Required work => After counting the lines below that hold the word "IfcSite", reply with the count and nothing else.
[Extracted information — start]
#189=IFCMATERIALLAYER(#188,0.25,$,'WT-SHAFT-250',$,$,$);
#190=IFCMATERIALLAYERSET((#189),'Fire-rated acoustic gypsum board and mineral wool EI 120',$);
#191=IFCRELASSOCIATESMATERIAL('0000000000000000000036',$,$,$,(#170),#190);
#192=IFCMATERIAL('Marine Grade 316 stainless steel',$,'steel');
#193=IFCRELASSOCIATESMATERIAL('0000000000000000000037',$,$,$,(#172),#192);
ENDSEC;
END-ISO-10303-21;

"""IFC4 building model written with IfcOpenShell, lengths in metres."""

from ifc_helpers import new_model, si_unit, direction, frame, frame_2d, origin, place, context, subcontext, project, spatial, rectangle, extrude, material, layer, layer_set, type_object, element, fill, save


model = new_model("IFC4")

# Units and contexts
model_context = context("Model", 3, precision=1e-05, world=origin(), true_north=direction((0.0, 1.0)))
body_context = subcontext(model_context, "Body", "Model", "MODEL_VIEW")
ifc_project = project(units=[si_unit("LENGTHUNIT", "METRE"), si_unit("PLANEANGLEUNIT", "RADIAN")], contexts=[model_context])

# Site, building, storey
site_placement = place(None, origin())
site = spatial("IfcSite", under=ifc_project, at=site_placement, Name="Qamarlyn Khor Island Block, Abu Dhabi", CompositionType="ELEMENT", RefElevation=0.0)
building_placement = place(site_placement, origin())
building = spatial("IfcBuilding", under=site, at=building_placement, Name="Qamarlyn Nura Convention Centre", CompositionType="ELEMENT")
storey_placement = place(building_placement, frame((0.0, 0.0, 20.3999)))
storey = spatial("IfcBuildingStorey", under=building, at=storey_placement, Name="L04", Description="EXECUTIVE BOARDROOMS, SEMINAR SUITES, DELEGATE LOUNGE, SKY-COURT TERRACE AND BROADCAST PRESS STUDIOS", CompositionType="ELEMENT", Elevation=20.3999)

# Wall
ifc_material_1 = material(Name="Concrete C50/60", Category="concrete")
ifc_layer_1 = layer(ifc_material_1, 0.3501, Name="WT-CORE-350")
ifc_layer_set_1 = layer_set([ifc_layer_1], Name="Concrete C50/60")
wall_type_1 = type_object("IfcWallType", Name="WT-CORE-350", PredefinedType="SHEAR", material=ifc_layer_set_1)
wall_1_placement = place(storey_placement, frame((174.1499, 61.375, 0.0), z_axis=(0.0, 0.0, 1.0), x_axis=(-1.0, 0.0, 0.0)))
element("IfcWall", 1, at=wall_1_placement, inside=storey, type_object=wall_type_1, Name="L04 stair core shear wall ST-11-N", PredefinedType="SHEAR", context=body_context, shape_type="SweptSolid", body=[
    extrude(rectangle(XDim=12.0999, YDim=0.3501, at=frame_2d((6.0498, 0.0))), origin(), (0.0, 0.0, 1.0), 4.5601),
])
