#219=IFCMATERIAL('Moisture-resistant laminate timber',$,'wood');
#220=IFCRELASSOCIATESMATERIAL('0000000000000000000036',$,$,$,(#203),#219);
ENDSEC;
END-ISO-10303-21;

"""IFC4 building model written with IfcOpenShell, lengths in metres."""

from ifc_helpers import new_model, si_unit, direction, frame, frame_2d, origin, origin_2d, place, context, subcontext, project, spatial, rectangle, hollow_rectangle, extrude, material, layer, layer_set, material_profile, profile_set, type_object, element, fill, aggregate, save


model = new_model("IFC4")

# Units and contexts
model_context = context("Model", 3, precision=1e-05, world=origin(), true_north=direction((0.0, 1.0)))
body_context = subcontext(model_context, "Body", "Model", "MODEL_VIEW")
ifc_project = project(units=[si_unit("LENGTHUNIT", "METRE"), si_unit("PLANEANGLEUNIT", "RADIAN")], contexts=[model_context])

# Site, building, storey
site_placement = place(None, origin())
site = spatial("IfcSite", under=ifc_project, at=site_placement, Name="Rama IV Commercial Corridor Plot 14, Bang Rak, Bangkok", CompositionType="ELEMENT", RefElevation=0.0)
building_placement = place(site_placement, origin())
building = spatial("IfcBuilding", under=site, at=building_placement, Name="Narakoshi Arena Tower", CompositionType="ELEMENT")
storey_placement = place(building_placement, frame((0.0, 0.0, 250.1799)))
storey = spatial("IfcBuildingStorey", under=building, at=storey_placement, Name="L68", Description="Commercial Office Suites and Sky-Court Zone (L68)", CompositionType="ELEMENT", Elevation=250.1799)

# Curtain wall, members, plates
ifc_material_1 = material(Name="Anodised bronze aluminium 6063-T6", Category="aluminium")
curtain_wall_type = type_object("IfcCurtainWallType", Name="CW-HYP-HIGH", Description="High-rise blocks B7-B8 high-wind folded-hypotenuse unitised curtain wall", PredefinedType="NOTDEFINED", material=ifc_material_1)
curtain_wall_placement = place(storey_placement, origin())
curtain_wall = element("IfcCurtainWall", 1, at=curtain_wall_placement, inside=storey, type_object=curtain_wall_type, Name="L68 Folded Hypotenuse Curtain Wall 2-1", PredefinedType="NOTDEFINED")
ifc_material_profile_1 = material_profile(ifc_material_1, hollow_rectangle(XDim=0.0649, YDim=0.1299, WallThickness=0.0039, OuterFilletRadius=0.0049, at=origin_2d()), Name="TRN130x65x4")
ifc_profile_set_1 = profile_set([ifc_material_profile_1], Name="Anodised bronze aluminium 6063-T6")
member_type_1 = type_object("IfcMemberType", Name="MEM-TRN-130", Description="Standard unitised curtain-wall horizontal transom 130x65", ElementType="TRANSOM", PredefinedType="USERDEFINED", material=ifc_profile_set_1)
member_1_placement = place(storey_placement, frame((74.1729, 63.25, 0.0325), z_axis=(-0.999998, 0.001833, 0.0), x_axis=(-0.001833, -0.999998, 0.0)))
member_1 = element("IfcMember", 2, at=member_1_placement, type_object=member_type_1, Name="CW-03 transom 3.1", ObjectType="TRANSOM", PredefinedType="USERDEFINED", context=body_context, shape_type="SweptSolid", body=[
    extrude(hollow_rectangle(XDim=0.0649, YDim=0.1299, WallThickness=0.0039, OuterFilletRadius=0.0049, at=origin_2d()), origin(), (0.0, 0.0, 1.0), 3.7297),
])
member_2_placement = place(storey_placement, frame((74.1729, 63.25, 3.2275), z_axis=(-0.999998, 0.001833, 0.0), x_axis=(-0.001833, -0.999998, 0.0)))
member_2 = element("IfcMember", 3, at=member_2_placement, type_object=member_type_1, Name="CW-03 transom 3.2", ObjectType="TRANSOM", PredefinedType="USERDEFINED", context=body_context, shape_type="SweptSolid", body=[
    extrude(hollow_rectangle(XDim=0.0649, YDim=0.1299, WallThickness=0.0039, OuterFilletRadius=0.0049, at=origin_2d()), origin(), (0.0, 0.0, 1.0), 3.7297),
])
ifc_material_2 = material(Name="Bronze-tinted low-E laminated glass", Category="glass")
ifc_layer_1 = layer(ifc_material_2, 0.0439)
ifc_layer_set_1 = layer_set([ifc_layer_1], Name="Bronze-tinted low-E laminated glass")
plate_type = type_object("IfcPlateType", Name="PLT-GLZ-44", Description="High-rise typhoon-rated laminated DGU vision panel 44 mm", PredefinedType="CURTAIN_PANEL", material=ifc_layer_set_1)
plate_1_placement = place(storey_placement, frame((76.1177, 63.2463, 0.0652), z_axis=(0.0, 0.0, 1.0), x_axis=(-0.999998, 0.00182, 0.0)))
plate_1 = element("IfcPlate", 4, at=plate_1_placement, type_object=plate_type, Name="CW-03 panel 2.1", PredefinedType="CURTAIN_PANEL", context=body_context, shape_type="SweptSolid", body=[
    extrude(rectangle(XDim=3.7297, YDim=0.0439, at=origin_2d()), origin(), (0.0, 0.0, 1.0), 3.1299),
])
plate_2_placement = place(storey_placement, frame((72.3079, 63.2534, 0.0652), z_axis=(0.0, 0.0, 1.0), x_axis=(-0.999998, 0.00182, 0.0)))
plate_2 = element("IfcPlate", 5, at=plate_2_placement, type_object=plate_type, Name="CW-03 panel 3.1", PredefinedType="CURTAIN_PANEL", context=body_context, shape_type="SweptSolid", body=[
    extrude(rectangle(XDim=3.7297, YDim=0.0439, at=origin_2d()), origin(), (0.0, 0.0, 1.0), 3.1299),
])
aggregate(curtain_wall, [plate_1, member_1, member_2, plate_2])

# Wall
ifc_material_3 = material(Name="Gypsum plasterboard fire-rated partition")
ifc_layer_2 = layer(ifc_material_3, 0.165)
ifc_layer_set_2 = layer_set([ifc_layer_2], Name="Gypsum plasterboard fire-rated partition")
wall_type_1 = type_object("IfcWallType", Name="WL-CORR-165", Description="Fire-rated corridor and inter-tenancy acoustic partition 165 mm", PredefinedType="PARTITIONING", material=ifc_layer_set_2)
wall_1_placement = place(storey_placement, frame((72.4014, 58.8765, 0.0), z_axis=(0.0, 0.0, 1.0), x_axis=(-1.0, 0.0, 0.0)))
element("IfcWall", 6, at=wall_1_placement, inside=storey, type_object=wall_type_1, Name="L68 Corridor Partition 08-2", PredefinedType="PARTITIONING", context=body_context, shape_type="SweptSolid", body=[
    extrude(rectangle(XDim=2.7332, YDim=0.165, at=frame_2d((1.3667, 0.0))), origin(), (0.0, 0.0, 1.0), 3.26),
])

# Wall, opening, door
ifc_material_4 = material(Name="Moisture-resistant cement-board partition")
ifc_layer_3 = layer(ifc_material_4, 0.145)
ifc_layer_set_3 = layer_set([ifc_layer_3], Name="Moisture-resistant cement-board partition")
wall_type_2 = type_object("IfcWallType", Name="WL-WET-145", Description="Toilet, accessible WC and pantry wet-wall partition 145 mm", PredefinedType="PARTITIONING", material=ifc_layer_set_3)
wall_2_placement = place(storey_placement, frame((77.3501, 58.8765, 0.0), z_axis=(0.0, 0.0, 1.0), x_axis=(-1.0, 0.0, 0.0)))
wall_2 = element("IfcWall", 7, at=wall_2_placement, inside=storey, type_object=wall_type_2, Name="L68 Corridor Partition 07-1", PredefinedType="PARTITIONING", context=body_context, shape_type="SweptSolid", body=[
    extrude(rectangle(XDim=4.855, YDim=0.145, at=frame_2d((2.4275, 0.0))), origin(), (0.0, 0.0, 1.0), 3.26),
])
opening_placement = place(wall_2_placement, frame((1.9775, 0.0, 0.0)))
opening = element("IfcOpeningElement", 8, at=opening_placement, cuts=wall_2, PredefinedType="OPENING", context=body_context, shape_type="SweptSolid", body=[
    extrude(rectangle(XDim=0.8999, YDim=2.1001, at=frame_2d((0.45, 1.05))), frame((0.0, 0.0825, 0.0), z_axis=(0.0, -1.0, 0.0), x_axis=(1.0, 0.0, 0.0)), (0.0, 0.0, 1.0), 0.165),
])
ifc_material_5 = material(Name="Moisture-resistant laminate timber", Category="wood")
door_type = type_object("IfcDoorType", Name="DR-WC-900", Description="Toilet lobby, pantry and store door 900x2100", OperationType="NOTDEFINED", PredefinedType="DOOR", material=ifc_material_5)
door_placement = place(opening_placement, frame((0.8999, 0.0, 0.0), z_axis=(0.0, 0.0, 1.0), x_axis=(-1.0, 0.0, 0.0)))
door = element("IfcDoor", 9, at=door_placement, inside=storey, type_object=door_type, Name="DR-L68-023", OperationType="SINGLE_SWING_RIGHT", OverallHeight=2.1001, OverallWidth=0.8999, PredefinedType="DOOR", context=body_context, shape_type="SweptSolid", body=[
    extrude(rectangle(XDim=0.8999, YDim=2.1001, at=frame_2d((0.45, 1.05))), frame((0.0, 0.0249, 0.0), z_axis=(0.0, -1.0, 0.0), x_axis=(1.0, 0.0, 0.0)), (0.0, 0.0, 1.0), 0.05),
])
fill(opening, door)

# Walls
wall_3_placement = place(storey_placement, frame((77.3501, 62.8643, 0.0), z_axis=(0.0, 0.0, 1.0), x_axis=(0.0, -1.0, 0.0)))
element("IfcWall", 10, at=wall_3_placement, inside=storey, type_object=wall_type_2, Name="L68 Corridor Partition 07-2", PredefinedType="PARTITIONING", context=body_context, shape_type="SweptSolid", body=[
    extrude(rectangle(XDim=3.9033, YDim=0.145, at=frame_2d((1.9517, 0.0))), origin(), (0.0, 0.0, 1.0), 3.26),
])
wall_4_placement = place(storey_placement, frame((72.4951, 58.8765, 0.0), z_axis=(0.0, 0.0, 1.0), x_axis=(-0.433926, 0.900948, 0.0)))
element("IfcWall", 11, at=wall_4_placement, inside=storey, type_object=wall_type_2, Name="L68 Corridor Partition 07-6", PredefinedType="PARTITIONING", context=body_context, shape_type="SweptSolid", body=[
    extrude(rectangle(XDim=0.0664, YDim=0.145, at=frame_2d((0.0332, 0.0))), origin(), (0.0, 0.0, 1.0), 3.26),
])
[Extracted information — finish]
Response area => 2